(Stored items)
━━━━

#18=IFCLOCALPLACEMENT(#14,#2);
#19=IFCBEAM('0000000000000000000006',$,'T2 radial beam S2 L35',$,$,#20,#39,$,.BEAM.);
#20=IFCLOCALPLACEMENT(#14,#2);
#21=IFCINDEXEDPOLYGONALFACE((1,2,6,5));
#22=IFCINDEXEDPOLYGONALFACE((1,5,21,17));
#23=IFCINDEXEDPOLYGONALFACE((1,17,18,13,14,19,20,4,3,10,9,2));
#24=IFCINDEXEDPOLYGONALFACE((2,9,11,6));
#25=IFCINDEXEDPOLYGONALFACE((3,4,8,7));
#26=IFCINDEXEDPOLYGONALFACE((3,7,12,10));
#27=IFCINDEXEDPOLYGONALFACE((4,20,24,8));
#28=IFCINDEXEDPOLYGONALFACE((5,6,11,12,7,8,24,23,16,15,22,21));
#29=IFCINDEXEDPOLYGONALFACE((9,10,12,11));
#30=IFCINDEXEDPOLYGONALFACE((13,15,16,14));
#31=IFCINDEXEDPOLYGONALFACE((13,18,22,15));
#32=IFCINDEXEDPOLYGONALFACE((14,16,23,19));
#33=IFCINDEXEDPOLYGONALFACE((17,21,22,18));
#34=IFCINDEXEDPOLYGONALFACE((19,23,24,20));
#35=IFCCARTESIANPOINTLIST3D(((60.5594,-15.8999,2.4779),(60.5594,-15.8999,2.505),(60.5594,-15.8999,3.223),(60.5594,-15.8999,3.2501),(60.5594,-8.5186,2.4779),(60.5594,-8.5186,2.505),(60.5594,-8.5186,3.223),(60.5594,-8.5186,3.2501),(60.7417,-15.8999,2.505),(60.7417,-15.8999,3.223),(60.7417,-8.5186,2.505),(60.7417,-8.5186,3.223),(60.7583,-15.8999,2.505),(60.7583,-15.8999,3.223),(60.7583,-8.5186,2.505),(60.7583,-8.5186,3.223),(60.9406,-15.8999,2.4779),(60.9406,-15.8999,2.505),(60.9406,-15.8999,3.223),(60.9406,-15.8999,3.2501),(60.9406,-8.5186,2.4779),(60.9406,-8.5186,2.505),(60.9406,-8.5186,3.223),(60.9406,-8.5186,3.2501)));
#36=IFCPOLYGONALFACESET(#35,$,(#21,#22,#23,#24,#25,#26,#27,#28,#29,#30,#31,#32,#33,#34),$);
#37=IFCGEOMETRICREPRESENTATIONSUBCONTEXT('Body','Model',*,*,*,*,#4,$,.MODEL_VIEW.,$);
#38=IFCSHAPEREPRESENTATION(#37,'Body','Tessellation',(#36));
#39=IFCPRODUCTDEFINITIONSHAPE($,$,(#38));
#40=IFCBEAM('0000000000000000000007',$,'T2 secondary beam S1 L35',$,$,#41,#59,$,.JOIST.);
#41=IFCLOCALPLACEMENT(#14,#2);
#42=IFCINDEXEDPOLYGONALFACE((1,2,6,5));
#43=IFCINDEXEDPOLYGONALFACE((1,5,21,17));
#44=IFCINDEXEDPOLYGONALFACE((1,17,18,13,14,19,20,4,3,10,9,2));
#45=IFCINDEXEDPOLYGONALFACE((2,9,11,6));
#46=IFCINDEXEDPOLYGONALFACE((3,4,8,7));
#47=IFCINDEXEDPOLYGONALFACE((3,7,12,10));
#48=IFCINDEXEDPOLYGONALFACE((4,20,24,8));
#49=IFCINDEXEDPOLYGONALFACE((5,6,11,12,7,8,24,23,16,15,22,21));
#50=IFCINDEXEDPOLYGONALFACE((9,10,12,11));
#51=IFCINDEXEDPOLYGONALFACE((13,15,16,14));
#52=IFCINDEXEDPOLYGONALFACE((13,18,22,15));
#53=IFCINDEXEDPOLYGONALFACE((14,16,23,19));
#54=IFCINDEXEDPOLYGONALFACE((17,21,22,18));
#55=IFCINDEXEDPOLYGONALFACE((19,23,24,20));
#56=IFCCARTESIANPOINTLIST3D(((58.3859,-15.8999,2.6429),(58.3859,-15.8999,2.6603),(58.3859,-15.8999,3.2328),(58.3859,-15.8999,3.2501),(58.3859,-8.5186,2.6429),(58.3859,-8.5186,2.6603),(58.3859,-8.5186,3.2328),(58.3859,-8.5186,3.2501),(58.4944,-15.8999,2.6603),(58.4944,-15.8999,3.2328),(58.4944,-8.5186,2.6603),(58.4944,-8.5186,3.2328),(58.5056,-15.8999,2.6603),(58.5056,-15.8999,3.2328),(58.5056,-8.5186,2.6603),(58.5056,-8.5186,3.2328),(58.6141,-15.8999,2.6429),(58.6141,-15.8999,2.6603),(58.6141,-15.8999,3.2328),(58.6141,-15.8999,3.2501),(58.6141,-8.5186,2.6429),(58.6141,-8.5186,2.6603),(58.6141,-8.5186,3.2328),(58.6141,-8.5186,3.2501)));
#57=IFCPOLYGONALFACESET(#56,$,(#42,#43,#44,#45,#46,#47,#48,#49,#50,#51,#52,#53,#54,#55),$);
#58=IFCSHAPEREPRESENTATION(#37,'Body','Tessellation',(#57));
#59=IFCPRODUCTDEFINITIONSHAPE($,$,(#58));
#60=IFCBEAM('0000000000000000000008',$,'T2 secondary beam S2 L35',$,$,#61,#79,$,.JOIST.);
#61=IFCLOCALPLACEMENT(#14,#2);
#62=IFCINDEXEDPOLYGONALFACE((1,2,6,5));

━━━━

## Instructions for the task
Could you restate word for word the lines above from the one containing "#40=IFCBEAM('0000000000000000000007',$,'T2 secondary beam" through the one containing "#48=IFCINDEXEDPOLYGONALFACE((4,20,24,8));", both included, and nothing else?

## Your response
#40=IFCBEAM('0000000000000000000007',$,'T2 secondary beam S1 L35',$,$,#41,#59,$,.JOIST.);
#41=IFCLOCALPLACEMENT(#14,#2);
#42=IFCINDEXEDPOLYGONALFACE((1,2,6,5));
#43=IFCINDEXEDPOLYGONALFACE((1,5,21,17));
#44=IFCINDEXEDPOLYGONALFACE((1,17,18,13,14,19,20,4,3,10,9,2));
#45=IFCINDEXEDPOLYGONALFACE((2,9,11,6));
#46=IFCINDEXEDPOLYGONALFACE((3,4,8,7));
#47=IFCINDEXEDPOLYGONALFACE((3,7,12,10));
#48=IFCINDEXEDPOLYGONALFACE((4,20,24,8));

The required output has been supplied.